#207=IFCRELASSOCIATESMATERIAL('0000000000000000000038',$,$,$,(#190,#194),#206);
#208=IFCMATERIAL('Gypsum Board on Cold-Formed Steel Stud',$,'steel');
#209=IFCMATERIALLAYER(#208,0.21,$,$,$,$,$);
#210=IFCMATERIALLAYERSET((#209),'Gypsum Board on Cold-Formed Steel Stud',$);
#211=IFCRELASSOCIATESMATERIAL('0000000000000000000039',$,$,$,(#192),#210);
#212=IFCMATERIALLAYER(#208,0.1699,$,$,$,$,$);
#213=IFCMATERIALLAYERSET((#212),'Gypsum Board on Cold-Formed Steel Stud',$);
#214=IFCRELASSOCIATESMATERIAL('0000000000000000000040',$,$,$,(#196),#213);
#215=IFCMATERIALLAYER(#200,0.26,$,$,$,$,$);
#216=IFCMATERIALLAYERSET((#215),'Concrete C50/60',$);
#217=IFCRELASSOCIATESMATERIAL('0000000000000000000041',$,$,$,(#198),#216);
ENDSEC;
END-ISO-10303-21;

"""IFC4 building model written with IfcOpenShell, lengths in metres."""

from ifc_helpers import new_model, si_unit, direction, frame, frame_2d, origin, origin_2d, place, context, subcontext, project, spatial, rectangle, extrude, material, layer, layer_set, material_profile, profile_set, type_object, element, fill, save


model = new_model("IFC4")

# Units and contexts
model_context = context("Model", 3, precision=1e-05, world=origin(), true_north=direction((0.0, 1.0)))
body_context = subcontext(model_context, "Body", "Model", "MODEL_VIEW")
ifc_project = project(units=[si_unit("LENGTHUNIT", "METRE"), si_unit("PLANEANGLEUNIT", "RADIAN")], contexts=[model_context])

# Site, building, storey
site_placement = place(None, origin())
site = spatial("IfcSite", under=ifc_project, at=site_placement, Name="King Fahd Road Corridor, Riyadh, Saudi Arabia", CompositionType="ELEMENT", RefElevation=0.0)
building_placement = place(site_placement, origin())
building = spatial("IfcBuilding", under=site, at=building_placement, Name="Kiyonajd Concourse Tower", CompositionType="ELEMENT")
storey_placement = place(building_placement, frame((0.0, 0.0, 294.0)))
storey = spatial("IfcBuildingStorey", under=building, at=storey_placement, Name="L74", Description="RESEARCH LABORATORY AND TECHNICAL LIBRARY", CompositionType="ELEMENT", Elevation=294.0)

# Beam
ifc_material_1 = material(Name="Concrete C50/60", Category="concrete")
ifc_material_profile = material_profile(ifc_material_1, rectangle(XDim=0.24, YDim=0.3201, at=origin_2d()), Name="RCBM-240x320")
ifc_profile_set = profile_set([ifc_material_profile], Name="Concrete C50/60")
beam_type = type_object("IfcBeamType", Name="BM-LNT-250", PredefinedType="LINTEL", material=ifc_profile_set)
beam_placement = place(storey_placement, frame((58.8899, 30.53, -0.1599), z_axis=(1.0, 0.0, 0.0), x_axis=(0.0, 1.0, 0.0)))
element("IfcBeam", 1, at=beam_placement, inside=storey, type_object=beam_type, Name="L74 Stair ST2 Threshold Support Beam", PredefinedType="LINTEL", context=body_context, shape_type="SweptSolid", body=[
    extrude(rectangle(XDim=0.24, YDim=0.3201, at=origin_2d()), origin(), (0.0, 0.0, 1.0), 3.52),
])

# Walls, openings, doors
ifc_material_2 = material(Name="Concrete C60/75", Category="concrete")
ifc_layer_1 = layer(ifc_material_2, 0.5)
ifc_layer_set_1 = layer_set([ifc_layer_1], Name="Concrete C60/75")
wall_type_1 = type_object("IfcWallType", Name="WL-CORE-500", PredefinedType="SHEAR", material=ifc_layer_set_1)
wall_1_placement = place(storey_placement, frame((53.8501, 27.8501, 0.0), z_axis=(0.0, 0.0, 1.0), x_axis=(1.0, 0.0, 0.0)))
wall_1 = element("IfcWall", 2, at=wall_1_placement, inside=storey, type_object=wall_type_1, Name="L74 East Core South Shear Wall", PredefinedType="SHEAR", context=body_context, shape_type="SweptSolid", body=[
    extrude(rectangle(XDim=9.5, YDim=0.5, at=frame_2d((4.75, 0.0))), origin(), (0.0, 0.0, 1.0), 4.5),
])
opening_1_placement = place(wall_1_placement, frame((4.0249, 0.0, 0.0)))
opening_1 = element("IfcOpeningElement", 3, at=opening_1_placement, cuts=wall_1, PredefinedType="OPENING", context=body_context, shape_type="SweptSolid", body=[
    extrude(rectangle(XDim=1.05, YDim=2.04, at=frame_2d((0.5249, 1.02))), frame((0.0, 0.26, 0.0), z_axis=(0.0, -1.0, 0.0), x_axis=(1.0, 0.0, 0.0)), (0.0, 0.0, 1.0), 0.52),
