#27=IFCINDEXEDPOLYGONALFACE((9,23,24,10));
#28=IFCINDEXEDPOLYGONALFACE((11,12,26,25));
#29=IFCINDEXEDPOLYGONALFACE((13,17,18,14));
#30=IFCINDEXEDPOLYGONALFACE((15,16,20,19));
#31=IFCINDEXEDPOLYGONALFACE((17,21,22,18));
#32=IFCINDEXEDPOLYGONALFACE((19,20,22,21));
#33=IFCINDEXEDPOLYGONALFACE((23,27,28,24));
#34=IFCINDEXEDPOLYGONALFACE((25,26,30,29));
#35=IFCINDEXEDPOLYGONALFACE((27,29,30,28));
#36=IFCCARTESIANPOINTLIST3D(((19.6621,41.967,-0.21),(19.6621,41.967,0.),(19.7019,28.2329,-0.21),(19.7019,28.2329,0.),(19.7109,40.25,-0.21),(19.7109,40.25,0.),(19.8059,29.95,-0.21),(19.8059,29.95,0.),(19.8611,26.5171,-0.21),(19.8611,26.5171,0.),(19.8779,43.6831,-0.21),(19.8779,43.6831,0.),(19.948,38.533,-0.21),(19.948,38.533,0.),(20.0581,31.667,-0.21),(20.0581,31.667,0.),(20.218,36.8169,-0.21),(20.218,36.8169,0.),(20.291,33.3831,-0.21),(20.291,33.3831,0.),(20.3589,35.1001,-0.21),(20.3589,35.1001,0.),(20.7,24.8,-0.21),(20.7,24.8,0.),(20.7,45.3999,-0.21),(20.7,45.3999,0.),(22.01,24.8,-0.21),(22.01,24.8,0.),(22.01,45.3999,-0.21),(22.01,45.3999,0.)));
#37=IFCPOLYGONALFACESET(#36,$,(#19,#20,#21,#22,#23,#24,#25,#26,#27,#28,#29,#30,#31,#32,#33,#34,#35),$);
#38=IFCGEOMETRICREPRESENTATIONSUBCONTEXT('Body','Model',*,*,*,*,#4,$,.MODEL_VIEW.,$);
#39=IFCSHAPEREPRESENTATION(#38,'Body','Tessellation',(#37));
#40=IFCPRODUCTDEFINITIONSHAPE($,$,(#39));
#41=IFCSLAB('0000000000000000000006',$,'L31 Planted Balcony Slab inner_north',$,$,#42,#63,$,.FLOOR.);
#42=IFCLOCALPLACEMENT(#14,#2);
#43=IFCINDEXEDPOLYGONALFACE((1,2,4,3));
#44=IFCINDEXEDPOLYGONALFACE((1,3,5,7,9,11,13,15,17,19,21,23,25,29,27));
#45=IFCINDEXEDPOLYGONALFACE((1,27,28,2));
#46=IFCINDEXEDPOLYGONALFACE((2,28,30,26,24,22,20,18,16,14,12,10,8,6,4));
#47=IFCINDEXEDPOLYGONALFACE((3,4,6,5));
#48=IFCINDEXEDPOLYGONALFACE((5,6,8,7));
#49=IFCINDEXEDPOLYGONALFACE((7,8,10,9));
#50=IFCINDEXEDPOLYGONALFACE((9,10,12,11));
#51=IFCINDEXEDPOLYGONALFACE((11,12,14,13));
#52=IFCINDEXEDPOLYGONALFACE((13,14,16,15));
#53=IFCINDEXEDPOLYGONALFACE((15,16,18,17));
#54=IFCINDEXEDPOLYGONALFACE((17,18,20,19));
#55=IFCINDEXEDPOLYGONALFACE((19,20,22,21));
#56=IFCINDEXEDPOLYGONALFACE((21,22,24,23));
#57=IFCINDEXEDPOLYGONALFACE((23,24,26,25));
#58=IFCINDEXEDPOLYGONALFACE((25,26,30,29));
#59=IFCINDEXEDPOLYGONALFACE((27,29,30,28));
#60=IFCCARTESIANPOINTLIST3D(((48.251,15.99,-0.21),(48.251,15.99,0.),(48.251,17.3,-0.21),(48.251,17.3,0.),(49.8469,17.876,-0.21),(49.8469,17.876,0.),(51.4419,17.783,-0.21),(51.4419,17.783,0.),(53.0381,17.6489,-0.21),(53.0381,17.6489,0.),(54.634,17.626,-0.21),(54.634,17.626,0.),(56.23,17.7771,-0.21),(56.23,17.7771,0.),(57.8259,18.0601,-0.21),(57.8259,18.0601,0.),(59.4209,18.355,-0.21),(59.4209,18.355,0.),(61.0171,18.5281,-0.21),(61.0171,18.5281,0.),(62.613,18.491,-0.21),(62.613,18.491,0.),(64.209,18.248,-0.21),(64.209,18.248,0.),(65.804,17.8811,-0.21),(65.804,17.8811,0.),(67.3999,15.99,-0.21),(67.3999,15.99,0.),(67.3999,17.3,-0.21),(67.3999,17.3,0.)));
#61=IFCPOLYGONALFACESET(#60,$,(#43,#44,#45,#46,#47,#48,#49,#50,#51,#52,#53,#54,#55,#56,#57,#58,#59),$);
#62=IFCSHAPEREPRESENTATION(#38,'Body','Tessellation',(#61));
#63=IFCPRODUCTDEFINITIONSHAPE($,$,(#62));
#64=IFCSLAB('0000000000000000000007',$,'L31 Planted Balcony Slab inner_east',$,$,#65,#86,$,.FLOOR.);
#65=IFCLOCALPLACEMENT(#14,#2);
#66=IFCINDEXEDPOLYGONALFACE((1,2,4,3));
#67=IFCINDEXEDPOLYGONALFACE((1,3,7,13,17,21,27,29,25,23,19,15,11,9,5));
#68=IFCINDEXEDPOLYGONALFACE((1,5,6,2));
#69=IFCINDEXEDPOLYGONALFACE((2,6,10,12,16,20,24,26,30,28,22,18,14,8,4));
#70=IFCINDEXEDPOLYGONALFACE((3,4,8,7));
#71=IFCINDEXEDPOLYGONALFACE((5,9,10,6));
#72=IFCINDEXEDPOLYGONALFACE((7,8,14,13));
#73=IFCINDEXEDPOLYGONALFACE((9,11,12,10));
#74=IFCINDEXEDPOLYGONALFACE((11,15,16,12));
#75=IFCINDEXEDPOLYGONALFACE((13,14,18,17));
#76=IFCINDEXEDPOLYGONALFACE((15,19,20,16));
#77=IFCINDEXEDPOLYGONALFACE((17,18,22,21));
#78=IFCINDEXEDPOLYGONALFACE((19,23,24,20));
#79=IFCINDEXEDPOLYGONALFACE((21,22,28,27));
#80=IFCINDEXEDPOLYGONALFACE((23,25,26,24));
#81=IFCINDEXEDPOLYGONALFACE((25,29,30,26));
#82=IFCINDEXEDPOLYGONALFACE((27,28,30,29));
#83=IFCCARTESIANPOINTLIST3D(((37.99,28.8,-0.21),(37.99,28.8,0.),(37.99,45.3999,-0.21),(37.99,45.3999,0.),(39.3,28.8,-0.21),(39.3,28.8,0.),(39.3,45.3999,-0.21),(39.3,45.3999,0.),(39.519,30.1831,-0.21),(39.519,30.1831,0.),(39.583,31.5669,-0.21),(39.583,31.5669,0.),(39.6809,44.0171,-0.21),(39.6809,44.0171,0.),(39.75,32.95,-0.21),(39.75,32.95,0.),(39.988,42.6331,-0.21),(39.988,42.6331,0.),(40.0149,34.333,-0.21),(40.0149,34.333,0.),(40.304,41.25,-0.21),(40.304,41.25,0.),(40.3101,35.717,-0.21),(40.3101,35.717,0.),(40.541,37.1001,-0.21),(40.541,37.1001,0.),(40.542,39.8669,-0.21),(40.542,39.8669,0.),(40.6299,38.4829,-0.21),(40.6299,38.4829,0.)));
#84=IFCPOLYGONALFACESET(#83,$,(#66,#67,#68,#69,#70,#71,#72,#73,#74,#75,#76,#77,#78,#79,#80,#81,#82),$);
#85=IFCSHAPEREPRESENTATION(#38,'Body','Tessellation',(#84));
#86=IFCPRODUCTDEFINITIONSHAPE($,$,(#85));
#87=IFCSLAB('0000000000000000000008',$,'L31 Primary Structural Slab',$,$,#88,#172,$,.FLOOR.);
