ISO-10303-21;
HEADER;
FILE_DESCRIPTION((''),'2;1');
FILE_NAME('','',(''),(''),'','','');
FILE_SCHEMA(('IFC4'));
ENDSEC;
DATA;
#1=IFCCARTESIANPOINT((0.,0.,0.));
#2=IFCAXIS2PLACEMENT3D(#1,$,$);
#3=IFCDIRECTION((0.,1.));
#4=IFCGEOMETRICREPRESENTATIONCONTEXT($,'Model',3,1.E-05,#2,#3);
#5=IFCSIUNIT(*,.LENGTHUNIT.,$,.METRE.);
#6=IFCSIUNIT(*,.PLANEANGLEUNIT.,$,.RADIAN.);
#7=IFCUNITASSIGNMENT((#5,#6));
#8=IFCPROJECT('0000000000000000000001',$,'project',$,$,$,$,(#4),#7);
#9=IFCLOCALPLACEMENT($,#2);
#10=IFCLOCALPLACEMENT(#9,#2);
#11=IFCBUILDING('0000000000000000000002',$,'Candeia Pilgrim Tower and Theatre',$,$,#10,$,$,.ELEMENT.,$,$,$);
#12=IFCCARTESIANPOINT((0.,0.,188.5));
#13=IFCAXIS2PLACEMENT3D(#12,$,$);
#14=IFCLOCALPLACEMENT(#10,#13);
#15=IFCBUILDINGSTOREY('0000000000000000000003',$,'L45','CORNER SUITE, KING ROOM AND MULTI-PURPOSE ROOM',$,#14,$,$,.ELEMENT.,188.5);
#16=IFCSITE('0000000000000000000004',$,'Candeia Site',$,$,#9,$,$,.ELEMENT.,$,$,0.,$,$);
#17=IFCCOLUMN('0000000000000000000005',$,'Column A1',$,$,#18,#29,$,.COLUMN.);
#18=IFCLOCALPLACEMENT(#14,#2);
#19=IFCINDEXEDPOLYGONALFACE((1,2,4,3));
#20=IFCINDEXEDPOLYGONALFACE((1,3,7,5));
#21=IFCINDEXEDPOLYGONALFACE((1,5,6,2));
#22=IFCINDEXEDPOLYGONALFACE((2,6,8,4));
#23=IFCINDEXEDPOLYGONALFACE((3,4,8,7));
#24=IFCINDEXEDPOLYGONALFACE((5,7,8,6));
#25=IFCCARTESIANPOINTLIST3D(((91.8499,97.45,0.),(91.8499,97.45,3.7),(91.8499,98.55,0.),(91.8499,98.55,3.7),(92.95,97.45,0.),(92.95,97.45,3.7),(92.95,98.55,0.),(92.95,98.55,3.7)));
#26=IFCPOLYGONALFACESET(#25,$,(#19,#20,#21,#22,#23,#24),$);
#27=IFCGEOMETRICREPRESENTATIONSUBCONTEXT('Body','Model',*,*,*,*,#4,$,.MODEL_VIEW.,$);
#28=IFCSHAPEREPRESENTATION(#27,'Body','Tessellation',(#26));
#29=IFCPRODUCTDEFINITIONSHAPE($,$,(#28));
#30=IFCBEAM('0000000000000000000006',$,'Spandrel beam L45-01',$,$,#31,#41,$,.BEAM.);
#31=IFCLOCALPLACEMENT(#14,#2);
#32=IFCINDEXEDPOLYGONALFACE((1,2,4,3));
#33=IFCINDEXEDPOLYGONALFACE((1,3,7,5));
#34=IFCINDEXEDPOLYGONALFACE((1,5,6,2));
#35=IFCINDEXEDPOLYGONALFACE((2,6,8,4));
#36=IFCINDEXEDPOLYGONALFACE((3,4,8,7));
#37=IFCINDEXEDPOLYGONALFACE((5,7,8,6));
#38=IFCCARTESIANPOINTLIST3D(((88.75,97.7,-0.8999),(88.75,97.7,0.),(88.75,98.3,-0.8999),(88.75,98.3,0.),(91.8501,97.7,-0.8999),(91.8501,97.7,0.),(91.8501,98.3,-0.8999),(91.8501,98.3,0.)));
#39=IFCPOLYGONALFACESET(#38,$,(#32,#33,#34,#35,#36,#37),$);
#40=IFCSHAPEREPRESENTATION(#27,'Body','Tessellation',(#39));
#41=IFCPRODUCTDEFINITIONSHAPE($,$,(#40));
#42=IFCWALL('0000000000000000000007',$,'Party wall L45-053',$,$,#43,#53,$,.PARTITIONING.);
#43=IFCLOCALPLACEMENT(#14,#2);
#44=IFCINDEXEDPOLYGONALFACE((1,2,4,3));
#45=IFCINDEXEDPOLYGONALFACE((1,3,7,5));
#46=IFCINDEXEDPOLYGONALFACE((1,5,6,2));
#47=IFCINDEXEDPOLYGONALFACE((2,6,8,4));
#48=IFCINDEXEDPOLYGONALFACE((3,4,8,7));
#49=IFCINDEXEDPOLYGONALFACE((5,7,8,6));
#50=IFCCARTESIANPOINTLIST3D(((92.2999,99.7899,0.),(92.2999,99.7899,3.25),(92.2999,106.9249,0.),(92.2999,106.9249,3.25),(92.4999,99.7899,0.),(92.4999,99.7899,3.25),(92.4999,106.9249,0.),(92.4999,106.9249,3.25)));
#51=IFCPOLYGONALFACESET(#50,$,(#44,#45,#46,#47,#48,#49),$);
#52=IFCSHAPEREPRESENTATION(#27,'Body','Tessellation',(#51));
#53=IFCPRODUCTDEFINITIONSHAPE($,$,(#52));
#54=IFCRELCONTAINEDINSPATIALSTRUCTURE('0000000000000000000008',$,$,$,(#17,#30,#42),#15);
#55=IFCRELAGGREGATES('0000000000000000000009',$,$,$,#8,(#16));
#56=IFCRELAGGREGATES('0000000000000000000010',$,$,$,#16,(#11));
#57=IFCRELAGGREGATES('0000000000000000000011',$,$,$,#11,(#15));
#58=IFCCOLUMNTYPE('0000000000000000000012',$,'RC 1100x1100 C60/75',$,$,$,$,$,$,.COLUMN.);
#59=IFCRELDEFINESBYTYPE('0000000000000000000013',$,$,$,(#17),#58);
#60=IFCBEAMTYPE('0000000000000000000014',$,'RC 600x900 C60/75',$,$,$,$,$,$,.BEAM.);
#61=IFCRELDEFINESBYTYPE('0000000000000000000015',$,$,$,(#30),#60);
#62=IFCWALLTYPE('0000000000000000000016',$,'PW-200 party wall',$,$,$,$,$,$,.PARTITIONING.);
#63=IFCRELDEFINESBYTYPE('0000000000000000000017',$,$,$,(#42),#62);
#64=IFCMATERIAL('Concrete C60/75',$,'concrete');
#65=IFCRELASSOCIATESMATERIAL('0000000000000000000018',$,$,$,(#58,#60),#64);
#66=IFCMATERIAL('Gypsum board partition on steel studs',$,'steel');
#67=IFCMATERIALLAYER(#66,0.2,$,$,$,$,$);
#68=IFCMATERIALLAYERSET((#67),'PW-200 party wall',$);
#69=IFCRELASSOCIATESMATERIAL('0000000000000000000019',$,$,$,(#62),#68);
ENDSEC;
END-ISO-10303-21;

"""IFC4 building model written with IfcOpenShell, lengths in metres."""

from ifc_helpers import new_model, si_unit, direction, frame, frame_2d, origin, origin_2d, place, context, subcontext, project, spatial, rectangle, extrude, material, layer, layer_set, material_profile, profile_set, type_object, element, save


model = new_model("IFC4")

# Units and contexts
model_context = context("Model", 3, precision=1e-05, world=origin(), true_north=direction((0.0, 1.0)))
body_context = subcontext(model_context, "Body", "Model", "MODEL_VIEW")
ifc_project = project(units=[si_unit("LENGTHUNIT", "METRE"), si_unit("PLANEANGLEUNIT", "RADIAN")], contexts=[model_context])

# Site, building, storey
site_placement = place(None, origin())
site = spatial("IfcSite", under=ifc_project, at=site_placement, Name="Candeia Site", CompositionType="ELEMENT", RefElevation=0.0)
building_placement = place(site_placement, origin())
building = spatial("IfcBuilding", under=site, at=building_placement, Name="Candeia Pilgrim Tower and Theatre", CompositionType="ELEMENT")
storey_placement = place(building_placement, frame((0.0, 0.0, 188.5)))
storey = spatial("IfcBuildingStorey", under=building, at=storey_placement, Name="L45", Description="CORNER SUITE, KING ROOM AND MULTI-PURPOSE ROOM", CompositionType="ELEMENT", Elevation=188.5)

# Column
ifc_material_1 = material(Name="Concrete C60/75", Category="concrete")
ifc_material_profile_1 = material_profile(ifc_material_1, rectangle(XDim=1.1001, YDim=1.1001, at=origin_2d()))
ifc_profile_set_1 = profile_set([ifc_material_profile_1], Name="Concrete C60/75")
column_type = type_object("IfcColumnType", Name="RC 1100x1100 C60/75", PredefinedType="COLUMN", material=ifc_profile_set_1)
column_placement = place(storey_placement, frame((92.3999, 98.0, 0.0), z_axis=(0.0, 0.0, 1.0), x_axis=(1.0, 0.0, 0.0)))
element("IfcColumn", 1, at=column_placement, inside=storey, type_object=column_type, Name="Column A1", PredefinedType="COLUMN", context=body_context, shape_type="SweptSolid", body=[
    extrude(rectangle(XDim=1.1001, YDim=1.1001, at=origin_2d()), origin(), (0.0, 0.0, 1.0), 3.7),
])

# Beam
ifc_material_profile_2 = material_profile(ifc_material_1, rectangle(XDim=0.6001, YDim=0.8999, at=origin_2d()))
ifc_profile_set_2 = profile_set([ifc_material_profile_2], Name="Concrete C60/75")
beam_type = type_object("IfcBeamType", Name="RC 600x900 C60/75", PredefinedType="BEAM", material=ifc_profile_set_2)
beam_placement = place(storey_placement, frame((88.75, 98.0, -0.45), z_axis=(1.0, 0.0, 0.0), x_axis=(0.0, 1.0, 0.0)))
element("IfcBeam", 2, at=beam_placement, inside=storey, type_object=beam_type, Name="Spandrel beam L45-01", PredefinedType="BEAM", context=body_context, shape_type="SweptSolid", body=[
    extrude(rectangle(XDim=0.6001, YDim=0.8999, at=origin_2d()), origin(), (0.0, 0.0, 1.0), 3.1001),
])

# Wall
ifc_material_2 = material(Name="Gypsum board partition on steel studs", Category="steel")
ifc_layer_1 = layer(ifc_material_2, 0.2)
ifc_layer_set_1 = layer_set([ifc_layer_1], Name="PW-200 party wall")
wall_type_1 = type_object("IfcWallType", Name="PW-200 party wall", PredefinedType="PARTITIONING", material=ifc_layer_set_1)
wall_1_placement = place(storey_placement, frame((92.3999, 99.79, 0.0), z_axis=(0.0, 0.0, 1.0), x_axis=(0.0, 1.0, 0.0)))
element("IfcWall", 3, at=wall_1_placement, inside=storey, type_object=wall_type_1, Name="Party wall L45-053", PredefinedType="PARTITIONING", context=body_context, shape_type="SweptSolid", body=[
    extrude(rectangle(XDim=7.135, YDim=0.2, at=frame_2d((3.5674, 0.0))), origin(), (0.0, 0.0, 1.0), 3.25),
])

save(model, "model.ifc")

* _Task_
Everything above from the line with "#51=IFCINDEXEDPOLYGONALFACE((11,12,14,13));" to the line with "#59=IFCINDEXEDPOLYGONALFACE((27,29,30,28));", both included, must be repeated exactly, and nothing outside that range.

* _Task response_
#51=IFCINDEXEDPOLYGONALFACE((11,12,14,13));
#52=IFCINDEXEDPOLYGONALFACE((13,14,16,15));
#53=IFCINDEXEDPOLYGONALFACE((15,16,18,17));
#54=IFCINDEXEDPOLYGONALFACE((17,18,20,19));
#55=IFCINDEXEDPOLYGONALFACE((19,20,22,21));
#56=IFCINDEXEDPOLYGONALFACE((21,22,24,23));
#57=IFCINDEXEDPOLYGONALFACE((23,24,26,25));
#58=IFCINDEXEDPOLYGONALFACE((25,26,30,29));
#59=IFCINDEXEDPOLYGONALFACE((27,29,30,28));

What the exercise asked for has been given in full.